**Exercise aim:**
Reproduce all entries word for word.

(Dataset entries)
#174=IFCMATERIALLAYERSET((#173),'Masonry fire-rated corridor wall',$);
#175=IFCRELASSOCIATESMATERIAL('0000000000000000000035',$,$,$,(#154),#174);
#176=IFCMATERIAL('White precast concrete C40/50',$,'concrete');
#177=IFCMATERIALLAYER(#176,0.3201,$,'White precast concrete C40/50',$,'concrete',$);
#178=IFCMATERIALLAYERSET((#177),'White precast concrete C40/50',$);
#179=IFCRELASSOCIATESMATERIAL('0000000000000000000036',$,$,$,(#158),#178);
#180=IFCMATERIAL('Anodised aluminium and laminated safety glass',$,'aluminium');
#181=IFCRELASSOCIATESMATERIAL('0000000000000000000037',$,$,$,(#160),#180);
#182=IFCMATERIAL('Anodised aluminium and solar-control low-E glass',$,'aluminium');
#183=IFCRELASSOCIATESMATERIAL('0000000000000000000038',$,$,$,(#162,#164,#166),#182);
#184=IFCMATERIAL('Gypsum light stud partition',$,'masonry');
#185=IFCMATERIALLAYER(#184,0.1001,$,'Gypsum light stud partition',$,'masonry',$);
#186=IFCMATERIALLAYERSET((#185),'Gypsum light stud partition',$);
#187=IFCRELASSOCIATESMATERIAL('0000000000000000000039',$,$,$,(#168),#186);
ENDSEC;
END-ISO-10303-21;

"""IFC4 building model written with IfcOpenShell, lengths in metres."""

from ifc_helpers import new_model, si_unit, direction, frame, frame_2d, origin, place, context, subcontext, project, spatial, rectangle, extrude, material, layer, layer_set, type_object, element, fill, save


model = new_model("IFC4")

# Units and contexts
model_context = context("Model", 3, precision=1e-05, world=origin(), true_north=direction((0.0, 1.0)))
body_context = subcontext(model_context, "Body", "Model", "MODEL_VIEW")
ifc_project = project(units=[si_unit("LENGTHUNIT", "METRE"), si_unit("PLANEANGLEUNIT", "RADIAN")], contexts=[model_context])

**Response:**
#174=IFCMATERIALLAYERSET((#173),'Masonry fire-rated corridor wall',$);
#175=IFCRELASSOCIATESMATERIAL('0000000000000000000035',$,$,$,(#154),#174);
#176=IFCMATERIAL('White precast concrete C40/50',$,'concrete');
#177=IFCMATERIALLAYER(#176,0.3201,$,'White precast concrete C40/50',$,'concrete',$);
#178=IFCMATERIALLAYERSET((#177),'White precast concrete C40/50',$);
#179=IFCRELASSOCIATESMATERIAL('0000000000000000000036',$,$,$,(#158),#178);
#180=IFCMATERIAL('Anodised aluminium and laminated safety glass',$,'aluminium');
#181=IFCRELASSOCIATESMATERIAL('0000000000000000000037',$,$,$,(#160),#180);
#182=IFCMATERIAL('Anodised aluminium and solar-control low-E glass',$,'aluminium');
#183=IFCRELASSOCIATESMATERIAL('0000000000000000000038',$,$,$,(#162,#164,#166),#182);
#184=IFCMATERIAL('Gypsum light stud partition',$,'masonry');
#185=IFCMATERIALLAYER(#184,0.1001,$,'Gypsum light stud partition',$,'masonry',$);
#186=IFCMATERIALLAYERSET((#185),'Gypsum light stud partition',$);
#187=IFCRELASSOCIATESMATERIAL('0000000000000000000039',$,$,$,(#168),#186);
ENDSEC;
END-ISO-10303-21;

"""IFC4 building model written with IfcOpenShell, lengths in metres."""

from ifc_helpers import new_model, si_unit, direction, frame, frame_2d, origin, place, context, subcontext, project, spatial, rectangle, extrude, material, layer, layer_set, type_object, element, fill, save


model = new_model("IFC4")

# Units and contexts
model_context = context("Model", 3, precision=1e-05, world=origin(), true_north=direction((0.0, 1.0)))
body_context = subcontext(model_context, "Body", "Model", "MODEL_VIEW")
ifc_project = project(units=[si_unit("LENGTHUNIT", "METRE"), si_unit("PLANEANGLEUNIT", "RADIAN")], contexts=[model_context])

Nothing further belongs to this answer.